What is being asked >>
Once you reach the line containing "#201=IFCPRODUCTDEFINITIONSHAPE($,$,(#200));" in the data below, restate each line word for word up to and including the one containing "#217=IFCINDEXEDPOLYGONALFACE((5,7,8,6));".

Records to process >>
□ □ □ □
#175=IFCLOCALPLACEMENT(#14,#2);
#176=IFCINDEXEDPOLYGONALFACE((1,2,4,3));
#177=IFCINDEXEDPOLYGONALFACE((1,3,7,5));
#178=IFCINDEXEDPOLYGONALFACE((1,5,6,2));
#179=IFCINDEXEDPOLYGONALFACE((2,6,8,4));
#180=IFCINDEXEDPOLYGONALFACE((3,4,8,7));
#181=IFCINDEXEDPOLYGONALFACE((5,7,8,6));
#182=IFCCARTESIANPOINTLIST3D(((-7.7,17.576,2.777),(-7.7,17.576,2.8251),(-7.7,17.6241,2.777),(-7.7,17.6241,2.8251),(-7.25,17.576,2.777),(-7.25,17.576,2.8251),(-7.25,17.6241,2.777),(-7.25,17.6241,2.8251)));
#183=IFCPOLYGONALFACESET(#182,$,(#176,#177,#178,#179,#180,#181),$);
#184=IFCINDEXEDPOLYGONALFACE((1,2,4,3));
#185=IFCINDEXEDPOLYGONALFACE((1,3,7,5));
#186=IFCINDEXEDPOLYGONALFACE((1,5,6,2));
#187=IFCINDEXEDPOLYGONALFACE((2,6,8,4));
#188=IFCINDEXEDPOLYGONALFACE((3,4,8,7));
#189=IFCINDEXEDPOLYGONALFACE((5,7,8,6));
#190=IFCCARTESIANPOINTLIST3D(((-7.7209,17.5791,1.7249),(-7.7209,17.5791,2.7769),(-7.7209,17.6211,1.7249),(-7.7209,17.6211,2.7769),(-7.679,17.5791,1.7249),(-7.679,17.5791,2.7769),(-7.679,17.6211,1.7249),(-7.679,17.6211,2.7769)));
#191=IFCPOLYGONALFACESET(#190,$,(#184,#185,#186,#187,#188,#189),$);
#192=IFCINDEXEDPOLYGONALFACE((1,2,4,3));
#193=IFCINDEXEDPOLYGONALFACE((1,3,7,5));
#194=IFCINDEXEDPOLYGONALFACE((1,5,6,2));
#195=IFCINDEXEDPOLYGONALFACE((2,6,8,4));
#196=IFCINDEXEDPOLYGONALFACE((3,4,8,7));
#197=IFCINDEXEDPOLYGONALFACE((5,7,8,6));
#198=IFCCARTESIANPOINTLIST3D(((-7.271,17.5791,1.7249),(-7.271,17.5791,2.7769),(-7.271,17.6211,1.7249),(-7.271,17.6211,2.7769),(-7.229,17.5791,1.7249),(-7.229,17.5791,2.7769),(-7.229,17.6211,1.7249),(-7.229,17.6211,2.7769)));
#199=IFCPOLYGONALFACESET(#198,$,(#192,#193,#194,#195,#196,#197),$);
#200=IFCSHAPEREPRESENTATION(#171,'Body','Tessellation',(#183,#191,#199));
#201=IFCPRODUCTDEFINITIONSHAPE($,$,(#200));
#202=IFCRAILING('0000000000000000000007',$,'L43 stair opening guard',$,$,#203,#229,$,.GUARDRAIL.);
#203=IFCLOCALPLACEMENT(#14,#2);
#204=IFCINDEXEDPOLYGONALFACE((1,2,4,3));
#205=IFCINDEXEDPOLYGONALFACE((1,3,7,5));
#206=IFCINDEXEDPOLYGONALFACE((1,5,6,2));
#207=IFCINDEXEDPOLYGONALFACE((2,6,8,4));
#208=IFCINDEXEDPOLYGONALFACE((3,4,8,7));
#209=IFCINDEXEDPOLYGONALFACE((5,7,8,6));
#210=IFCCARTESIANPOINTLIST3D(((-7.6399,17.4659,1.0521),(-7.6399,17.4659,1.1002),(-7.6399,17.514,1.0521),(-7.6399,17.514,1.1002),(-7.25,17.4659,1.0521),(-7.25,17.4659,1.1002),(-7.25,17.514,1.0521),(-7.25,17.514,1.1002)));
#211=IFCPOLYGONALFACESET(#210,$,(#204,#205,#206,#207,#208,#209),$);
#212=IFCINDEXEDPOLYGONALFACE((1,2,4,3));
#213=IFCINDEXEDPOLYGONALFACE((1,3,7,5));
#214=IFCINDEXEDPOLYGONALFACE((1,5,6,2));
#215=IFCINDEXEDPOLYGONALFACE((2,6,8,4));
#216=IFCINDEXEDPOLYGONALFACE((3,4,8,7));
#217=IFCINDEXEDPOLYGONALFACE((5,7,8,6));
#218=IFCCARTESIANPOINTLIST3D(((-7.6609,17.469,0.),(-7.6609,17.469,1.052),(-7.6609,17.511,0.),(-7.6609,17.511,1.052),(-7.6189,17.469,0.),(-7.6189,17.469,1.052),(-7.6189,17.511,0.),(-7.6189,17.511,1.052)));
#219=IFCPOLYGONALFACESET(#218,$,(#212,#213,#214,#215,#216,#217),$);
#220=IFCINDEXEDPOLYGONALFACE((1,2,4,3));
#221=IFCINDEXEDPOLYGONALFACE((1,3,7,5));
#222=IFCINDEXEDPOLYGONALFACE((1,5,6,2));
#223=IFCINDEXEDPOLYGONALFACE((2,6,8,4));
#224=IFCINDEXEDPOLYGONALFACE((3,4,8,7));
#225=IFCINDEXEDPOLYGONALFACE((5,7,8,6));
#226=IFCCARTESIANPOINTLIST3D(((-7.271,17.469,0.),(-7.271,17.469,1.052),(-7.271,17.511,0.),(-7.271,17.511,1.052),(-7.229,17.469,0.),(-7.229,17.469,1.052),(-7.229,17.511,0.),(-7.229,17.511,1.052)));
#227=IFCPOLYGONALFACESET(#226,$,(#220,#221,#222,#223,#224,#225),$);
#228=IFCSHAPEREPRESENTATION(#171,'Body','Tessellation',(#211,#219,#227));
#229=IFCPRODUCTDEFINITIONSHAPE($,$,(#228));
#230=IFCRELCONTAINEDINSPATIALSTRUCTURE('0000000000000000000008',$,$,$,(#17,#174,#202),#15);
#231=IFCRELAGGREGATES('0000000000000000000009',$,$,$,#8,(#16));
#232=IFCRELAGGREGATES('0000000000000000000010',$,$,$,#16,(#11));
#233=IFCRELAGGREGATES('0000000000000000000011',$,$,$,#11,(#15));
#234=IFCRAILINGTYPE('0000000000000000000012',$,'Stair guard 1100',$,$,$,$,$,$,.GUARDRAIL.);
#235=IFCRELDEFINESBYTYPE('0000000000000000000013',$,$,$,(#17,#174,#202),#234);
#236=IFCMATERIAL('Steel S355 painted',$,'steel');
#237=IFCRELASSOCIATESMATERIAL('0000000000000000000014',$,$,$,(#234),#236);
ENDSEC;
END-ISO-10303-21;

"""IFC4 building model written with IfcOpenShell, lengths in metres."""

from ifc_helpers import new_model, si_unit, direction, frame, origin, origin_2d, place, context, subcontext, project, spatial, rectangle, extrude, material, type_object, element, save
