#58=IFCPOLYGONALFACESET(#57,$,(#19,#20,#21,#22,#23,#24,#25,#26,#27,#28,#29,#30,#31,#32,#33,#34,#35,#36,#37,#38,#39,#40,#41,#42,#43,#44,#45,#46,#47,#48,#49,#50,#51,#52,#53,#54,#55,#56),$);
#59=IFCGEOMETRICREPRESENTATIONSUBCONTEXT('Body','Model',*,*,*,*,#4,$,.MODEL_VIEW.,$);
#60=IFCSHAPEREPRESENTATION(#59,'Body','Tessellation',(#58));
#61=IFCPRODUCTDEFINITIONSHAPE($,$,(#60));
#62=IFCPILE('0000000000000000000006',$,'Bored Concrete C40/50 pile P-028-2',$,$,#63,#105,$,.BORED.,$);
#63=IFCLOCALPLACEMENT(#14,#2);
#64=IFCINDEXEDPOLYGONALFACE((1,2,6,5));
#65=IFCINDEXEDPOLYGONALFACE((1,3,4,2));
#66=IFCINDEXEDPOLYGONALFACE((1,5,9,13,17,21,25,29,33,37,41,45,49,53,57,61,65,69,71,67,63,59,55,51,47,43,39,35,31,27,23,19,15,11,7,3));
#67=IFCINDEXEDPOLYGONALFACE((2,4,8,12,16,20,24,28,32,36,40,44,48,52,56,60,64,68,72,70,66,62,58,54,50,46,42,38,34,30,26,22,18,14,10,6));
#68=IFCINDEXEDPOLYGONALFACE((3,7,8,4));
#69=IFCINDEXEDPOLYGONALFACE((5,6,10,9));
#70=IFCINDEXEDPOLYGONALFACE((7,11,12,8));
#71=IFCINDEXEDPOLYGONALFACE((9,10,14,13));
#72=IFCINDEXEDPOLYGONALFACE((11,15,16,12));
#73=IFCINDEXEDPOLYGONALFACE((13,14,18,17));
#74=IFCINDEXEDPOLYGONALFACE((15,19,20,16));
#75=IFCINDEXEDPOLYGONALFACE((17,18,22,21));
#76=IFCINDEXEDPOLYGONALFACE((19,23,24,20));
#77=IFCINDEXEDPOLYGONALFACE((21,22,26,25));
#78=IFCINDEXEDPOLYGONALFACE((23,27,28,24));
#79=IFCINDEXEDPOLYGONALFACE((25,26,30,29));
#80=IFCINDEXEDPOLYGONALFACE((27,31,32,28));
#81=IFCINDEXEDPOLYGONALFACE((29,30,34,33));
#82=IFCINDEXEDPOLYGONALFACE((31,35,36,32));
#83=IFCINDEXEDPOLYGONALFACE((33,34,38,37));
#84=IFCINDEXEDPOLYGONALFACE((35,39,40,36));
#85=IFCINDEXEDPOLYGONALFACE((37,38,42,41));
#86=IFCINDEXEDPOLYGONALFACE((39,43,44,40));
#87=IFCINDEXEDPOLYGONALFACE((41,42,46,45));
□ □ □ □
Answer section >>
#201=IFCPRODUCTDEFINITIONSHAPE($,$,(#200));
#202=IFCRAILING('0000000000000000000007',$,'L43 stair opening guard',$,$,#203,#229,$,.GUARDRAIL.);
#203=IFCLOCALPLACEMENT(#14,#2);
#204=IFCINDEXEDPOLYGONALFACE((1,2,4,3));
#205=IFCINDEXEDPOLYGONALFACE((1,3,7,5));
#206=IFCINDEXEDPOLYGONALFACE((1,5,6,2));
#207=IFCINDEXEDPOLYGONALFACE((2,6,8,4));
#208=IFCINDEXEDPOLYGONALFACE((3,4,8,7));
#209=IFCINDEXEDPOLYGONALFACE((5,7,8,6));
#210=IFCCARTESIANPOINTLIST3D(((-7.6399,17.4659,1.0521),(-7.6399,17.4659,1.1002),(-7.6399,17.514,1.0521),(-7.6399,17.514,1.1002),(-7.25,17.4659,1.0521),(-7.25,17.4659,1.1002),(-7.25,17.514,1.0521),(-7.25,17.514,1.1002)));
#211=IFCPOLYGONALFACESET(#210,$,(#204,#205,#206,#207,#208,#209),$);
#212=IFCINDEXEDPOLYGONALFACE((1,2,4,3));
#213=IFCINDEXEDPOLYGONALFACE((1,3,7,5));
#214=IFCINDEXEDPOLYGONALFACE((1,5,6,2));
#215=IFCINDEXEDPOLYGONALFACE((2,6,8,4));
#216=IFCINDEXEDPOLYGONALFACE((3,4,8,7));
#217=IFCINDEXEDPOLYGONALFACE((5,7,8,6));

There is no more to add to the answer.